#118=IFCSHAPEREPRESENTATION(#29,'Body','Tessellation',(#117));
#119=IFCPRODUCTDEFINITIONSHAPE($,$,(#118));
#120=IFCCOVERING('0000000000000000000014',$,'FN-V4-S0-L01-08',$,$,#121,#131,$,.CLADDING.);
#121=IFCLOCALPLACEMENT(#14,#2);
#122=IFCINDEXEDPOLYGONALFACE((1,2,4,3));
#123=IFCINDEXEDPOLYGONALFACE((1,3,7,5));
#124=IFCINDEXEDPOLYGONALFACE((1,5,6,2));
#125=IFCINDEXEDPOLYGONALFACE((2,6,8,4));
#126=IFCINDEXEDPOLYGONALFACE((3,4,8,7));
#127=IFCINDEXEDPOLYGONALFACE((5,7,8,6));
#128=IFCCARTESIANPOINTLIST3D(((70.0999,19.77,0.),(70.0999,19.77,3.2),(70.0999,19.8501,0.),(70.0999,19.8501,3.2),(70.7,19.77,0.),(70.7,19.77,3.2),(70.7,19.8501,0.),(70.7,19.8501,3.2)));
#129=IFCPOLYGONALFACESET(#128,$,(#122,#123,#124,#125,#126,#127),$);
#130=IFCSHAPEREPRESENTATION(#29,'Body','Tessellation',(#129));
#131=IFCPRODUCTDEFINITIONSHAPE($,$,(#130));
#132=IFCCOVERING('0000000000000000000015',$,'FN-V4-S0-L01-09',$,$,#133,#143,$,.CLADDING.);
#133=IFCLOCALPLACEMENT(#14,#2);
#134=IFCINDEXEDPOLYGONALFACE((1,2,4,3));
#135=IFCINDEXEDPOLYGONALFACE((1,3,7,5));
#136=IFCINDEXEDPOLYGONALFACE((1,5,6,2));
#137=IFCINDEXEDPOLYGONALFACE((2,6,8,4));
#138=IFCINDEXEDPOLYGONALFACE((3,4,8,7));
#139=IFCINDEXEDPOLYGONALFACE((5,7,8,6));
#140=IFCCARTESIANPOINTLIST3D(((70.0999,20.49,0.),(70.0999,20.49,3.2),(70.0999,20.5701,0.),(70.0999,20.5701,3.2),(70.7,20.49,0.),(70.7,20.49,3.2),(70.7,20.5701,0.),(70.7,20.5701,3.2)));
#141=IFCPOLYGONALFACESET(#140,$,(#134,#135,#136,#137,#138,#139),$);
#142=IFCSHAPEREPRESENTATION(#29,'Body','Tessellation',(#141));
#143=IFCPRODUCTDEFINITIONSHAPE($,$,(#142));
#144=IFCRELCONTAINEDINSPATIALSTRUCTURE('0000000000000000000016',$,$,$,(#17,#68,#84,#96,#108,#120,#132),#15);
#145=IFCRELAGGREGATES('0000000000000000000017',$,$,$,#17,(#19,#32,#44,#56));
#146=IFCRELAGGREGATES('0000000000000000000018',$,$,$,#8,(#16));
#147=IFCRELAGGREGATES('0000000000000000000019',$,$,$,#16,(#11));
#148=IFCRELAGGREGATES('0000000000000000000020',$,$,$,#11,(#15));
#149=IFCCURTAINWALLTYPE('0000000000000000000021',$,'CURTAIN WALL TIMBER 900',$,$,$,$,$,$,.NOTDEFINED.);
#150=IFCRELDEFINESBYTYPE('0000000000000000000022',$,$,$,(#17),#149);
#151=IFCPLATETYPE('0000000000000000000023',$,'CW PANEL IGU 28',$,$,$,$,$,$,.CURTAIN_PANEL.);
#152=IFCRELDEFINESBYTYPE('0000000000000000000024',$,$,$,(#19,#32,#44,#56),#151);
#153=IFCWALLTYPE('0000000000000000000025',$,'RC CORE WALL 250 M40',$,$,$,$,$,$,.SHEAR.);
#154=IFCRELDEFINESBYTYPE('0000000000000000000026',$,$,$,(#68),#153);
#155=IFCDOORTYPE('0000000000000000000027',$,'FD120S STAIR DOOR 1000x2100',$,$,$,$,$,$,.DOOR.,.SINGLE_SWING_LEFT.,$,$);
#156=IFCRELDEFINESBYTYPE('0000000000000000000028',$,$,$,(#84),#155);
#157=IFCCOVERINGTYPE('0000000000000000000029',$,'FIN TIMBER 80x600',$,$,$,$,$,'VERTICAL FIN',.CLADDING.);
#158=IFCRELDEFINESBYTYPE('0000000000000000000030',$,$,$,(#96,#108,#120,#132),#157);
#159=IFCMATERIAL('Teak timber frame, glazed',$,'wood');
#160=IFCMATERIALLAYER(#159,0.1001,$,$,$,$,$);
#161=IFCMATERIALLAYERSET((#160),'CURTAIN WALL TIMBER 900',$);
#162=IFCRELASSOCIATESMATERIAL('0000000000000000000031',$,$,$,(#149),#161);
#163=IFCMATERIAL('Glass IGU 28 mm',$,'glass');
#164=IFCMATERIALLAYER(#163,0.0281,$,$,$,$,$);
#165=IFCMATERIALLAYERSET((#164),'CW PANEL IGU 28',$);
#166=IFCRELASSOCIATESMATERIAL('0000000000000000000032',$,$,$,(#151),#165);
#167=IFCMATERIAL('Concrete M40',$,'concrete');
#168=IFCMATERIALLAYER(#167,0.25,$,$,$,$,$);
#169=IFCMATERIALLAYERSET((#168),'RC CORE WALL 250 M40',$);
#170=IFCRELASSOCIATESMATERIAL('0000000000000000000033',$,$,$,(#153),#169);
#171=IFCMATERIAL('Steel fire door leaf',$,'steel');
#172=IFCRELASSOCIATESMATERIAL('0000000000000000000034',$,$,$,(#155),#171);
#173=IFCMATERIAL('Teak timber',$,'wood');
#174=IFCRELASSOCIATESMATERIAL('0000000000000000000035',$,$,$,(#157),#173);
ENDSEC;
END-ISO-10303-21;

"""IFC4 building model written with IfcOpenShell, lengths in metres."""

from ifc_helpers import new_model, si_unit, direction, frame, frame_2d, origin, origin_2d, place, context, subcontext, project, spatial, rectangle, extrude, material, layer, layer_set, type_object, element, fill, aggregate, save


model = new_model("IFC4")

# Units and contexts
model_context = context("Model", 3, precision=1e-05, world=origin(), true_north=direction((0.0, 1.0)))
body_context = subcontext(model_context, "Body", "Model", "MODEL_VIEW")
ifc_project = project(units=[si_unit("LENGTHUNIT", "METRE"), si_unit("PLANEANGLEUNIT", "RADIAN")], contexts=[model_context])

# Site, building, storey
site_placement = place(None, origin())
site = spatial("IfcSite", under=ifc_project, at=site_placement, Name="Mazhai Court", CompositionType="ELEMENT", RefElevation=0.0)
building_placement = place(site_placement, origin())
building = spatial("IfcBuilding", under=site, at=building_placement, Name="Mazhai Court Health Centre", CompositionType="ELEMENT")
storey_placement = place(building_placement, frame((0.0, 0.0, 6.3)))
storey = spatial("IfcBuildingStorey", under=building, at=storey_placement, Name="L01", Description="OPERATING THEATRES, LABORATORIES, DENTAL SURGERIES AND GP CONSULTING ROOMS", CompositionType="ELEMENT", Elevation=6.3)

* Required work *
Word for word, reproduce the listing above from its start up to and including the line that has "#126=IFCINDEXEDPOLYGONALFACE((3,4,8,7));". Give only those lines.

* Result of this task *
#118=IFCSHAPEREPRESENTATION(#29,'Body','Tessellation',(#117));
#119=IFCPRODUCTDEFINITIONSHAPE($,$,(#118));
#120=IFCCOVERING('0000000000000000000014',$,'FN-V4-S0-L01-08',$,$,#121,#131,$,.CLADDING.);
#121=IFCLOCALPLACEMENT(#14,#2);
#122=IFCINDEXEDPOLYGONALFACE((1,2,4,3));
#123=IFCINDEXEDPOLYGONALFACE((1,3,7,5));
#124=IFCINDEXEDPOLYGONALFACE((1,5,6,2));
#125=IFCINDEXEDPOLYGONALFACE((2,6,8,4));
#126=IFCINDEXEDPOLYGONALFACE((3,4,8,7));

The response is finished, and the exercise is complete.